> [Work instructions]
This exercise calls for copying every line below that holds the word "IFCRELDEFINESBYTYPE".

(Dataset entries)
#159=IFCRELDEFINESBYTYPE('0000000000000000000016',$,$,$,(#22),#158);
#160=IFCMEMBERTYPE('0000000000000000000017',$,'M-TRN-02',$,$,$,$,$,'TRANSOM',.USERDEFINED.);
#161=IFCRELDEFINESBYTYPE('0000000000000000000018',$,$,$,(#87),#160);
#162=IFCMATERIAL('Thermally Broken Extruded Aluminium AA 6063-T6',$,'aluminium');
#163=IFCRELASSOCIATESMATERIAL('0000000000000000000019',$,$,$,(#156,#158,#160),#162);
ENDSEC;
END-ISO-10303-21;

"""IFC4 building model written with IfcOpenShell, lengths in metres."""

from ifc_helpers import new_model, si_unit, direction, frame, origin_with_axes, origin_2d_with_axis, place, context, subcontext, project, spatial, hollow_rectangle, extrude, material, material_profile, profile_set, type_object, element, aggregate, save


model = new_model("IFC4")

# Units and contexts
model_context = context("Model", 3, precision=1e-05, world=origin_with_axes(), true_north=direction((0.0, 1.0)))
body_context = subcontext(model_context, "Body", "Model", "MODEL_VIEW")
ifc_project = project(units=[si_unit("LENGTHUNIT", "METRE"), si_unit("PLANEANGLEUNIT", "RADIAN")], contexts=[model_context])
==
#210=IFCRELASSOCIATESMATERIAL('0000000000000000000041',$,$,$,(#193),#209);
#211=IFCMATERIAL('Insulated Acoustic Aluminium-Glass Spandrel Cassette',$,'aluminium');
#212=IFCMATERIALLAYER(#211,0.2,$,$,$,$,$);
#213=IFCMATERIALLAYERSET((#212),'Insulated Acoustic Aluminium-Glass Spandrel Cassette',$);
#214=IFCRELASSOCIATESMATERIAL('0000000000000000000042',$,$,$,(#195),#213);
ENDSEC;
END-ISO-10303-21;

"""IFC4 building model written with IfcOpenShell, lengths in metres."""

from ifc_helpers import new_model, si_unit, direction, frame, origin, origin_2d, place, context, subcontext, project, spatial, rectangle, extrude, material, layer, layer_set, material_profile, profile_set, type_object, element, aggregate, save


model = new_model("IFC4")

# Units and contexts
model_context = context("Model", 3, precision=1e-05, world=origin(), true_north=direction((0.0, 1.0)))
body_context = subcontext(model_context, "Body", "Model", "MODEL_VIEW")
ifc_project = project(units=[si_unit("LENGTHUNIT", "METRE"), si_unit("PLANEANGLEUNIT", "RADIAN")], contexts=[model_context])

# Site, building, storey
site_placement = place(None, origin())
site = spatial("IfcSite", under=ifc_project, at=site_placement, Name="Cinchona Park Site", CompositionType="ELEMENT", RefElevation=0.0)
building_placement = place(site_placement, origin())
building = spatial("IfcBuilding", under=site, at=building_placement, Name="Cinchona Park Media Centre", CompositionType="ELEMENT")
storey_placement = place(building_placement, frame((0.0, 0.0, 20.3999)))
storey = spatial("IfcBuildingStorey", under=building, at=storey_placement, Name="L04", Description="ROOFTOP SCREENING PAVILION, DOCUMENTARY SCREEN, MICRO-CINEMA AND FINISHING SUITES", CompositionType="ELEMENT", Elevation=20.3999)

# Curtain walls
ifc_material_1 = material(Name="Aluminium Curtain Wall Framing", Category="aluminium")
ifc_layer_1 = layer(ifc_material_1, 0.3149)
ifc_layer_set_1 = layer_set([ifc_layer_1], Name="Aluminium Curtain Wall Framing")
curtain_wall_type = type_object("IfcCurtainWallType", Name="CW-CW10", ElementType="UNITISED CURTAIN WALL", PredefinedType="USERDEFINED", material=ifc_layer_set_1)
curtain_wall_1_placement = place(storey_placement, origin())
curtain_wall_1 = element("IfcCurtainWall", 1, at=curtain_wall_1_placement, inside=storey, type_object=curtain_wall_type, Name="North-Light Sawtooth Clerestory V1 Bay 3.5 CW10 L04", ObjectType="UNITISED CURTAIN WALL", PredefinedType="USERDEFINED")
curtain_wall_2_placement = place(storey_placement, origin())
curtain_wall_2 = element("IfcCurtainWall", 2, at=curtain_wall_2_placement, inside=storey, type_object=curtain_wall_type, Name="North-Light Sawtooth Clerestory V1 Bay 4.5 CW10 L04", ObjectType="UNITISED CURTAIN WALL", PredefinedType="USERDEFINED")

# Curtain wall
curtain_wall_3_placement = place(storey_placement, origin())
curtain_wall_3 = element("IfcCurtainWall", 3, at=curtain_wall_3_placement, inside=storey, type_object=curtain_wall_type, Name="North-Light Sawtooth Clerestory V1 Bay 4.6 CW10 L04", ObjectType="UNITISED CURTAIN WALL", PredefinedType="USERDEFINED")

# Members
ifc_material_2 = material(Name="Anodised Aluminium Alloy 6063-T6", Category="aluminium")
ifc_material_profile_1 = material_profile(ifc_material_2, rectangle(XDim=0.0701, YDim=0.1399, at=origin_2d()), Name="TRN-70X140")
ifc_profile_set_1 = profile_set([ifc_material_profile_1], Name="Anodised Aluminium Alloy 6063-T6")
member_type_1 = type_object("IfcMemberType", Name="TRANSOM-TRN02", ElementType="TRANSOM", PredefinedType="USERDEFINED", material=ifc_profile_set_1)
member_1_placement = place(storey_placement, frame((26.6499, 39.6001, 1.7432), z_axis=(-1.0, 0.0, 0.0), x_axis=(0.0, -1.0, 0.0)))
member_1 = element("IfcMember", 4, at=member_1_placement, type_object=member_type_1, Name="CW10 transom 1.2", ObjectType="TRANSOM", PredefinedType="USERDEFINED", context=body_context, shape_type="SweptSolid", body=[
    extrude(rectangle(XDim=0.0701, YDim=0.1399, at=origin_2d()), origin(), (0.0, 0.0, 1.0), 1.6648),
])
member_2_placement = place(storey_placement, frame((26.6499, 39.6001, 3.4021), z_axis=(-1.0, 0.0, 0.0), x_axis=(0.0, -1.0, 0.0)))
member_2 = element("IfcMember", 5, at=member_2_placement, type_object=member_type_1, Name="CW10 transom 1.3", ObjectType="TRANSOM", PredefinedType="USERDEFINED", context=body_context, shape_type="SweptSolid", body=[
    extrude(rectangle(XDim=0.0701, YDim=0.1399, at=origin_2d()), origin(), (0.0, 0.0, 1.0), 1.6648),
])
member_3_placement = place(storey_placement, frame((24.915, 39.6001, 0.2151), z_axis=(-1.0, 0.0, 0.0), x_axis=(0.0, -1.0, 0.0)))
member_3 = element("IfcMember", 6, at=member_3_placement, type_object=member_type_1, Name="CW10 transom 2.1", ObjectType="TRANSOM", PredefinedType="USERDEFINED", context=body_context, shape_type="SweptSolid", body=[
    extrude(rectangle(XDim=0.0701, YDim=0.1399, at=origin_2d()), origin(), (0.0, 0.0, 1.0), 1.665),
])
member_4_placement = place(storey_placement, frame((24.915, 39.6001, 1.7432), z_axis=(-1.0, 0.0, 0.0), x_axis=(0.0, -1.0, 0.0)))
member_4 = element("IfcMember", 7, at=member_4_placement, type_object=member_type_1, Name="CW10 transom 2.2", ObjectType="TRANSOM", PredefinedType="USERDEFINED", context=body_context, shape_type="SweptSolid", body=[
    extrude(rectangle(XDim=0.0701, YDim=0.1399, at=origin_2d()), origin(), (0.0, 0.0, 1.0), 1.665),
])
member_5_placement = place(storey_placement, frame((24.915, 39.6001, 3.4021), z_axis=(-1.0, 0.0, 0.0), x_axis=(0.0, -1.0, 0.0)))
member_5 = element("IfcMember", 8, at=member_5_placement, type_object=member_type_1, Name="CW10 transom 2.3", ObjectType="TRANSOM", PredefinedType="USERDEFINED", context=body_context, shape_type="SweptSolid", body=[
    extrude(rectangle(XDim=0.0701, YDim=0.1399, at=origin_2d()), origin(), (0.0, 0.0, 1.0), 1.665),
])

> [Answer box]
#159=IFCRELDEFINESBYTYPE('0000000000000000000016',$,$,$,(#22),#158);
#161=IFCRELDEFINESBYTYPE('0000000000000000000018',$,$,$,(#87),#160);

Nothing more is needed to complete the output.